<<<<
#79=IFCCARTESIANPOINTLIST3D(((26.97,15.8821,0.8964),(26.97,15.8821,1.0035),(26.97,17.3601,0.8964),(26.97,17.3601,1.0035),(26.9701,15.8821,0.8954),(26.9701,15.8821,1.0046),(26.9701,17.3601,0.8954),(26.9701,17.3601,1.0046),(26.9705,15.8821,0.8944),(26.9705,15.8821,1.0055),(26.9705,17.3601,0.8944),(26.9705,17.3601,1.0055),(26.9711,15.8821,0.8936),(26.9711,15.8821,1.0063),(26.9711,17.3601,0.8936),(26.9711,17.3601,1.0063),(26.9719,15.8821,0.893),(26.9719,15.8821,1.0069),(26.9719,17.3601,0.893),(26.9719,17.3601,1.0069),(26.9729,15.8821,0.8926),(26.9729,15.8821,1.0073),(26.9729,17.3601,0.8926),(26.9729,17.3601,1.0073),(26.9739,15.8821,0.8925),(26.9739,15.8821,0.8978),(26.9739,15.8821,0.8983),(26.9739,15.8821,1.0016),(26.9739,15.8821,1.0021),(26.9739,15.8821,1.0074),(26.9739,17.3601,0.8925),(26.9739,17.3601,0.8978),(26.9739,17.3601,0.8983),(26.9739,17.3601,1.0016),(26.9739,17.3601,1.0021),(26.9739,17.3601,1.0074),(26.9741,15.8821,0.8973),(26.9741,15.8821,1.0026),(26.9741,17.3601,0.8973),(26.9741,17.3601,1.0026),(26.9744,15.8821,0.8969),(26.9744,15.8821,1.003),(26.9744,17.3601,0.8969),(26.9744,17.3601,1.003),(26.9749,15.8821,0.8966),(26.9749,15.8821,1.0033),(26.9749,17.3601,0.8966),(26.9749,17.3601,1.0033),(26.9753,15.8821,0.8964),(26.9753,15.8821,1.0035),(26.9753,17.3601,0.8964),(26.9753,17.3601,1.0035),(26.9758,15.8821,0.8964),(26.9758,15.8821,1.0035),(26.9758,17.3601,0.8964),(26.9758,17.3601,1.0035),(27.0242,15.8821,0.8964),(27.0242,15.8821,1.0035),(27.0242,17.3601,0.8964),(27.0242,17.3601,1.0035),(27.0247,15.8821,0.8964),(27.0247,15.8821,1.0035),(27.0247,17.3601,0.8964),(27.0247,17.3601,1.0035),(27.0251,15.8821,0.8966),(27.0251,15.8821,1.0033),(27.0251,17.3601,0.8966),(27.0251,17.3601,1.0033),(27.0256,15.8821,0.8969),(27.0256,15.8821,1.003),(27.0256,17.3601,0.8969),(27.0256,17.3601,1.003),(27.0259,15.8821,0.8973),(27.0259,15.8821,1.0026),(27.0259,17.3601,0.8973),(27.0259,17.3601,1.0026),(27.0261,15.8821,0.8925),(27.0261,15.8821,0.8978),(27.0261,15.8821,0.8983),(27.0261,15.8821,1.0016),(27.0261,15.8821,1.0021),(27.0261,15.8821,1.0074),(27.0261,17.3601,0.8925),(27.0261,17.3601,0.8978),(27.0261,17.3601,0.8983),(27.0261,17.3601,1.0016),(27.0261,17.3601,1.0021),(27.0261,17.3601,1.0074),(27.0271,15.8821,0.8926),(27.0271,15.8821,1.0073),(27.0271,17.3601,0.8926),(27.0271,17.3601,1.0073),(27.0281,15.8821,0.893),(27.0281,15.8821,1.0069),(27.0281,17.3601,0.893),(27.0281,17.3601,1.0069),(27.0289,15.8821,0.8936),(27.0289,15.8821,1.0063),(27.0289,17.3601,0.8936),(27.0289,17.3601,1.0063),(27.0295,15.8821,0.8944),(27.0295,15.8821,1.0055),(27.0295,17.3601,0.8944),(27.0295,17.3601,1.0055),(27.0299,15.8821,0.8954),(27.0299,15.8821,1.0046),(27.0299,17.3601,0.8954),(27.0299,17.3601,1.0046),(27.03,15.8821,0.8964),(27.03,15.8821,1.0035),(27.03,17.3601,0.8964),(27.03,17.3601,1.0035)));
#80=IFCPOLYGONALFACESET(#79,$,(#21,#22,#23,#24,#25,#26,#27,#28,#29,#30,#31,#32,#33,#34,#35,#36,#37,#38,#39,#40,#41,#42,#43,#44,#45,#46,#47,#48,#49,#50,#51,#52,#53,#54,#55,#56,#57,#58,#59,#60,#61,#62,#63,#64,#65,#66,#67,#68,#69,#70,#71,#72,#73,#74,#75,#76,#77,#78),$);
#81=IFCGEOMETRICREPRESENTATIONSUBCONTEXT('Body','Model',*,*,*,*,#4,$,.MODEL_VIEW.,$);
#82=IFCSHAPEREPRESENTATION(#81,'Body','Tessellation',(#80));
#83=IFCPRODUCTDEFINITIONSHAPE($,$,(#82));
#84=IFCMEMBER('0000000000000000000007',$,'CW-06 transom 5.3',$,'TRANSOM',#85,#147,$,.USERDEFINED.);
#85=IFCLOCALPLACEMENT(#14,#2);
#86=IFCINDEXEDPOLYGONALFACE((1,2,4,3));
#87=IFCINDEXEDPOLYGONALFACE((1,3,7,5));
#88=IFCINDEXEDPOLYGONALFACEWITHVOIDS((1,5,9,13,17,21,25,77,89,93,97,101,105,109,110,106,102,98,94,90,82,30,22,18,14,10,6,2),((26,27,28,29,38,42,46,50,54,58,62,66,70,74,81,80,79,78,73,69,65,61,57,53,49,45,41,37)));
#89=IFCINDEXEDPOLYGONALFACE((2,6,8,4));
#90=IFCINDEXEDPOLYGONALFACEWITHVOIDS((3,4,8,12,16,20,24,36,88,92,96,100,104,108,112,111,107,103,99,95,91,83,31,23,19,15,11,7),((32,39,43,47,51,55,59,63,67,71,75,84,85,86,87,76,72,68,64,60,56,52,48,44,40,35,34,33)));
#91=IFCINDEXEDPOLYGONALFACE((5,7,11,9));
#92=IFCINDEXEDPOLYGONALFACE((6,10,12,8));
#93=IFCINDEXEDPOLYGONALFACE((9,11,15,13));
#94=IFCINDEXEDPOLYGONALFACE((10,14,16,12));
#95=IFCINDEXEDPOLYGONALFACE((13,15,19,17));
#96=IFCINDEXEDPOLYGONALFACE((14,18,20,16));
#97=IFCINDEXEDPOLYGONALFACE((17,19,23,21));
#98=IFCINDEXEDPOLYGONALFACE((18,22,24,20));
>>>>
<<<<
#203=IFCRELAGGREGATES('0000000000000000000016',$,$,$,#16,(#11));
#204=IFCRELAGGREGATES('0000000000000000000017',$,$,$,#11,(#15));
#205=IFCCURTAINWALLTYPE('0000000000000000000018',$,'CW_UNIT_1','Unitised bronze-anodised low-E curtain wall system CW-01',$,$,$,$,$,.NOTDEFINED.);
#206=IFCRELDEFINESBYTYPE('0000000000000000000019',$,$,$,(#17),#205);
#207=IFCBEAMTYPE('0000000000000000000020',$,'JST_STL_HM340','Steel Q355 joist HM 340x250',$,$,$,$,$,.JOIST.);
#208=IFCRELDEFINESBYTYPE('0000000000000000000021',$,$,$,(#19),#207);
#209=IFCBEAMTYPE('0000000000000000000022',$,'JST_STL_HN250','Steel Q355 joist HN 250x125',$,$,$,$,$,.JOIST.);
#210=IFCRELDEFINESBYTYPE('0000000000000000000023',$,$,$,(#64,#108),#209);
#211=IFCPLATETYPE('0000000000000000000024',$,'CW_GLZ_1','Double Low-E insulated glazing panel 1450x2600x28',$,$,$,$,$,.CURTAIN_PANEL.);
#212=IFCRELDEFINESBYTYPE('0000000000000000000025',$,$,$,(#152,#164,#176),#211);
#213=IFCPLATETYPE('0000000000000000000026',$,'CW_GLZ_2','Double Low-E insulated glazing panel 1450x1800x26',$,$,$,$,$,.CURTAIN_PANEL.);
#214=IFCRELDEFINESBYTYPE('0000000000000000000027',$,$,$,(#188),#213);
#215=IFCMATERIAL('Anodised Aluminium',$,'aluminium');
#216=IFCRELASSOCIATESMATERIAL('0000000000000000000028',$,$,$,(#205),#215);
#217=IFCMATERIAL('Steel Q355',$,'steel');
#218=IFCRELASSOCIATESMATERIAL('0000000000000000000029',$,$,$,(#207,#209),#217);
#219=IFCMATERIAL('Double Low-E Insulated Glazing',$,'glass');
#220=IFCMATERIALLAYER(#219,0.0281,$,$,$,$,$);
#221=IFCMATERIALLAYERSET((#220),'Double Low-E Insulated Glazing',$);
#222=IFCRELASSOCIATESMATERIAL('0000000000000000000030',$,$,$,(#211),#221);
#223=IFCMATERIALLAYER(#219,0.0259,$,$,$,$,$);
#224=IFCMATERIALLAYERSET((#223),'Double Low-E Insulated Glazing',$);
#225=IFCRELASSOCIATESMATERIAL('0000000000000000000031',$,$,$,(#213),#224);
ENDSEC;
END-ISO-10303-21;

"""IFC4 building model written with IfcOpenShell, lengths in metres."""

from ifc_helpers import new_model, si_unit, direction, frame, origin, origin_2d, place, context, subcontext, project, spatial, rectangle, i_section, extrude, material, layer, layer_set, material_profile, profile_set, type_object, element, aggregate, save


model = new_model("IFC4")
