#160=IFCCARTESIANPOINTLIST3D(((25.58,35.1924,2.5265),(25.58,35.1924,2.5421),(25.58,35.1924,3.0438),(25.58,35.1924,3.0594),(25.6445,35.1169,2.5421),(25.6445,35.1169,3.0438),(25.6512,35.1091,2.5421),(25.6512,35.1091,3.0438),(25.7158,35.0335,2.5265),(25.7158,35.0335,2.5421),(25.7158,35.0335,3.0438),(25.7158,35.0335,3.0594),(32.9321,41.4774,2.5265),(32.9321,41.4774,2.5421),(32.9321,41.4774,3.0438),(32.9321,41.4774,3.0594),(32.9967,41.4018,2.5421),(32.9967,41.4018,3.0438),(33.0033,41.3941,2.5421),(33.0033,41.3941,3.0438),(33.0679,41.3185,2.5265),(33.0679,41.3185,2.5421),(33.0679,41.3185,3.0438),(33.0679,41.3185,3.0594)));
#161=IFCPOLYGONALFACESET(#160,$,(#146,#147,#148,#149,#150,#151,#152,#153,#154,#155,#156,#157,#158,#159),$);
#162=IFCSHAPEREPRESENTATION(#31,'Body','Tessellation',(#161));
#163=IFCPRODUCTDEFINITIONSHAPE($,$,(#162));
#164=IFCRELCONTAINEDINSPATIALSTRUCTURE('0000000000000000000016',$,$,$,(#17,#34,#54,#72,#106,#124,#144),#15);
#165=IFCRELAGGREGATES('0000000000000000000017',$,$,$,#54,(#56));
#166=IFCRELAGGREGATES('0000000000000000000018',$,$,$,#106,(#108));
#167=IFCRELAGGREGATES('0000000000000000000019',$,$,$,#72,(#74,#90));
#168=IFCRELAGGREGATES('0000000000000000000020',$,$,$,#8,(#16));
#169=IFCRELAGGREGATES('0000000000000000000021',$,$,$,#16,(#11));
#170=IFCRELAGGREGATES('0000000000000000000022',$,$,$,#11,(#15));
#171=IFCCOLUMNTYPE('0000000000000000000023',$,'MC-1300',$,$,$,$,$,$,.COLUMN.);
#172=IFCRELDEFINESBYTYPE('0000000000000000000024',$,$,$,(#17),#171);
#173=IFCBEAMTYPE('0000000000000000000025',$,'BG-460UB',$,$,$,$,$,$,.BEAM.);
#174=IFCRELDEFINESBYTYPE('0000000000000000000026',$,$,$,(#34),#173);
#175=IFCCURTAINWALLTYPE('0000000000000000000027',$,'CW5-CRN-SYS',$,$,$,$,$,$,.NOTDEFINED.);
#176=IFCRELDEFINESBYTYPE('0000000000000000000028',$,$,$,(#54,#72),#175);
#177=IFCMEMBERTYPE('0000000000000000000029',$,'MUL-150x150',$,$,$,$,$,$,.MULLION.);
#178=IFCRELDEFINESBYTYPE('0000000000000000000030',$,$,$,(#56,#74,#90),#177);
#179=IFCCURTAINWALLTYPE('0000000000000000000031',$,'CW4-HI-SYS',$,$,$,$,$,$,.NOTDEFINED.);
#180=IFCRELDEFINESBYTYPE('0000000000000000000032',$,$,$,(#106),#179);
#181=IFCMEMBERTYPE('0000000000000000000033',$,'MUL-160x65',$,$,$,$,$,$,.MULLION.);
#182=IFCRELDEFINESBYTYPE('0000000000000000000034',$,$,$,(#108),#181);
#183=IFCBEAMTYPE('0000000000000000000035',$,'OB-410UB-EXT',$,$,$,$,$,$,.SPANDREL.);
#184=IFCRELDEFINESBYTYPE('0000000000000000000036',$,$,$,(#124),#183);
>>>>
<<<<
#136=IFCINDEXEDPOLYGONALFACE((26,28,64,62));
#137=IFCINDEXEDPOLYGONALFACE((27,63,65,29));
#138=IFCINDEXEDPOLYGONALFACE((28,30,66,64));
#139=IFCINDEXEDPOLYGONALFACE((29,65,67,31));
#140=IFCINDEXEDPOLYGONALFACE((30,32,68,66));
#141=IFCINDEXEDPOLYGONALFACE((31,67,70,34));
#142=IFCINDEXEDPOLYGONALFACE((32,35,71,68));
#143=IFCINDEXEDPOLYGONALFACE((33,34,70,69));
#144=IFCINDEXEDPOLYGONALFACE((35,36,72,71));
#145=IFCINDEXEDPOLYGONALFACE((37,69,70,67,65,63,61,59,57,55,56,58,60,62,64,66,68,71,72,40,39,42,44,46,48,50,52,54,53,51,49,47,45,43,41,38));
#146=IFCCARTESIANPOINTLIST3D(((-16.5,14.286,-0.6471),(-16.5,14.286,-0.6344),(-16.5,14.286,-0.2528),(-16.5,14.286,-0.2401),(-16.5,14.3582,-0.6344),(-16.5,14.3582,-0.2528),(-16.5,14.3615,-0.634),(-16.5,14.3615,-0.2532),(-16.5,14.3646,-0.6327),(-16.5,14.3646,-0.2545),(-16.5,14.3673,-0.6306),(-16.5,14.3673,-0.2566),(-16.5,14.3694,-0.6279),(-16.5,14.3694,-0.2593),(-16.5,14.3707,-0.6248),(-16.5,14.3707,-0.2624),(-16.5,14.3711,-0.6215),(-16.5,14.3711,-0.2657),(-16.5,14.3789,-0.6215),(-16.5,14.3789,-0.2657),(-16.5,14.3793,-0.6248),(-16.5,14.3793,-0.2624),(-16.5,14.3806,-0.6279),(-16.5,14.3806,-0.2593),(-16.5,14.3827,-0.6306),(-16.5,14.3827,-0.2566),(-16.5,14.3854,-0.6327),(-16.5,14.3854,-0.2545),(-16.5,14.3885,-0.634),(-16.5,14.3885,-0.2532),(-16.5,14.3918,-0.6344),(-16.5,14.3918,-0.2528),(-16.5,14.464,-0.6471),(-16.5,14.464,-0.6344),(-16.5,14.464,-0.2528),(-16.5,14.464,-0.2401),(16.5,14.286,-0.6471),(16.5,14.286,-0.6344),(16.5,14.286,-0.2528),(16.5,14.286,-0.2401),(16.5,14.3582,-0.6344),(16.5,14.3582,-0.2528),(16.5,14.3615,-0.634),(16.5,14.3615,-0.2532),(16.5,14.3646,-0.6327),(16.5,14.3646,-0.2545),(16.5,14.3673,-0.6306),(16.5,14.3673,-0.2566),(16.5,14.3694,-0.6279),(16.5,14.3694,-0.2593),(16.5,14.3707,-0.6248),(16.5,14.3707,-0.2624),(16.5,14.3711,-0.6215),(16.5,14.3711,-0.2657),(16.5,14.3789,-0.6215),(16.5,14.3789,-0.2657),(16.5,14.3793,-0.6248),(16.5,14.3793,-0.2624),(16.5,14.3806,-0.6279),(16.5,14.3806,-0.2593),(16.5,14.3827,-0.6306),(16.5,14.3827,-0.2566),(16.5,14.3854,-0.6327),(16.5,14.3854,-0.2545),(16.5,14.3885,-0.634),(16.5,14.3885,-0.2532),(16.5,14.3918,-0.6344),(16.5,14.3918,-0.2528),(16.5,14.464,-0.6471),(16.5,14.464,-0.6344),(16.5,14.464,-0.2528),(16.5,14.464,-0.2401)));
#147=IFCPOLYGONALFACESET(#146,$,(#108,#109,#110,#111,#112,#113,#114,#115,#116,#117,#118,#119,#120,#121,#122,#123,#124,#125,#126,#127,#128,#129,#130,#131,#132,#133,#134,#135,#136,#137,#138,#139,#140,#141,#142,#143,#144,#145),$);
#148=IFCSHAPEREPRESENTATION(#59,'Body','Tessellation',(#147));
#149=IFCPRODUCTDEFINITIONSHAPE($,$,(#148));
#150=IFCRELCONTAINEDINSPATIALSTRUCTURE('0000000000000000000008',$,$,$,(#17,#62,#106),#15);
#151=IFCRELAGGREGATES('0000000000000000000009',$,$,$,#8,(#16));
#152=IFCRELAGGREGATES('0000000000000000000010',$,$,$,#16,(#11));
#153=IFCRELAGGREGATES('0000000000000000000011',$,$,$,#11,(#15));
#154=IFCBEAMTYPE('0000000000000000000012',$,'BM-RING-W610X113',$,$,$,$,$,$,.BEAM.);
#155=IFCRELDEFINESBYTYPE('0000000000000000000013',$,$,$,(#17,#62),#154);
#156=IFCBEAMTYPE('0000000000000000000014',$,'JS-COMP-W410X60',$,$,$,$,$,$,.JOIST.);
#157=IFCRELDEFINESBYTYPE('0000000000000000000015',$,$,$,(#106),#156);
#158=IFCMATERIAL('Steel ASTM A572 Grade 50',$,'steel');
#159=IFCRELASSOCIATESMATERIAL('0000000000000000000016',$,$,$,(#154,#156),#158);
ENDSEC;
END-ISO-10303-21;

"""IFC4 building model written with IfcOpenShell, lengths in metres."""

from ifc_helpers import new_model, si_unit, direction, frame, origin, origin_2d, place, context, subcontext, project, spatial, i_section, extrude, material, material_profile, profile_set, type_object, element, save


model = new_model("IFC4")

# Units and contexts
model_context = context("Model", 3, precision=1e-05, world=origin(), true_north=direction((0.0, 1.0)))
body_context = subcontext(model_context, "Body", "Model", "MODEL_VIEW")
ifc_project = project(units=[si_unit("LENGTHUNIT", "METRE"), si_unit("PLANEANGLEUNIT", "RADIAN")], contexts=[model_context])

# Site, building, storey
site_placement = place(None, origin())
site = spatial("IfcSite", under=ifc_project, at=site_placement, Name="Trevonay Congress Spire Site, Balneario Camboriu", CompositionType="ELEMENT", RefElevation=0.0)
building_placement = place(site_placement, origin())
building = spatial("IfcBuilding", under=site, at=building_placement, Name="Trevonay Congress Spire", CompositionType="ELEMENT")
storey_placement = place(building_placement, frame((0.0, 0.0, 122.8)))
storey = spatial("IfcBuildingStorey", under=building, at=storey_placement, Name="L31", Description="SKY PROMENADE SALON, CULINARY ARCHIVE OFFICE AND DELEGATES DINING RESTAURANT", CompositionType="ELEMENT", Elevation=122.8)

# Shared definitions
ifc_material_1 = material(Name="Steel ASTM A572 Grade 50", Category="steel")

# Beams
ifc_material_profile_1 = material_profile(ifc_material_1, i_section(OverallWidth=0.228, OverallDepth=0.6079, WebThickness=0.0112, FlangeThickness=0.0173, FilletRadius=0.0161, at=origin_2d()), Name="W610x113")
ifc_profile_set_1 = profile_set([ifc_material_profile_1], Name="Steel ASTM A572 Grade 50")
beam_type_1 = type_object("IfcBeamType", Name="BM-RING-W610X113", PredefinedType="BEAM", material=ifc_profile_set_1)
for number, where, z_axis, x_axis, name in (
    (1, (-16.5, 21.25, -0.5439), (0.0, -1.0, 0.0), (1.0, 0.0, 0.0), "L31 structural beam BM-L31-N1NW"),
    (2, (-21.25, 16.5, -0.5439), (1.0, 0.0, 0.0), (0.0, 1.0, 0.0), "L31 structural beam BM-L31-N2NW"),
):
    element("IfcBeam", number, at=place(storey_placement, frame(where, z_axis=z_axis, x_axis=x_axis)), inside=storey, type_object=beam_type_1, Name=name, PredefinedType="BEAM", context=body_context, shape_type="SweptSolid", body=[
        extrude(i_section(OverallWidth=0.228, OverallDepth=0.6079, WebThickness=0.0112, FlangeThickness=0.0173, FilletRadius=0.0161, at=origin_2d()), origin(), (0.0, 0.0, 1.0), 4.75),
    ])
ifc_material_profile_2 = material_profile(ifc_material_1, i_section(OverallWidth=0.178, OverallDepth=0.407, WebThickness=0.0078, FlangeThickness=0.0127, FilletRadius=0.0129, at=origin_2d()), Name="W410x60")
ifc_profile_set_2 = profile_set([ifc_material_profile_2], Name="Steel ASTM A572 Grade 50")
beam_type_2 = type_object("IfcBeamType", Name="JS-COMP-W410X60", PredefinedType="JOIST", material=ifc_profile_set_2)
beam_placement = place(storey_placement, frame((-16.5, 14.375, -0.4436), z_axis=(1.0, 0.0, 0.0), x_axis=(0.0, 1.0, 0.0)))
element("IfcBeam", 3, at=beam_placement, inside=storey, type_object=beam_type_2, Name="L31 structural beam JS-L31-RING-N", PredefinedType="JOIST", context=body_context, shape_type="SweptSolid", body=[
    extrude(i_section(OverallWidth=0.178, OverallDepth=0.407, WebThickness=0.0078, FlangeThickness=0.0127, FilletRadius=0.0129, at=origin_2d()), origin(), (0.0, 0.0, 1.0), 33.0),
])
>>>>
- _What you need to do_:
If a line in the records contains the string "Congress", copy it out.

- _Result of the exercise_:
site = spatial("IfcSite", under=ifc_project, at=site_placement, Name="Trevonay Congress Spire Site, Balneario Camboriu", CompositionType="ELEMENT", RefElevation=0.0)
building = spatial("IfcBuilding", under=site, at=building_placement, Name="Trevonay Congress Spire", CompositionType="ELEMENT")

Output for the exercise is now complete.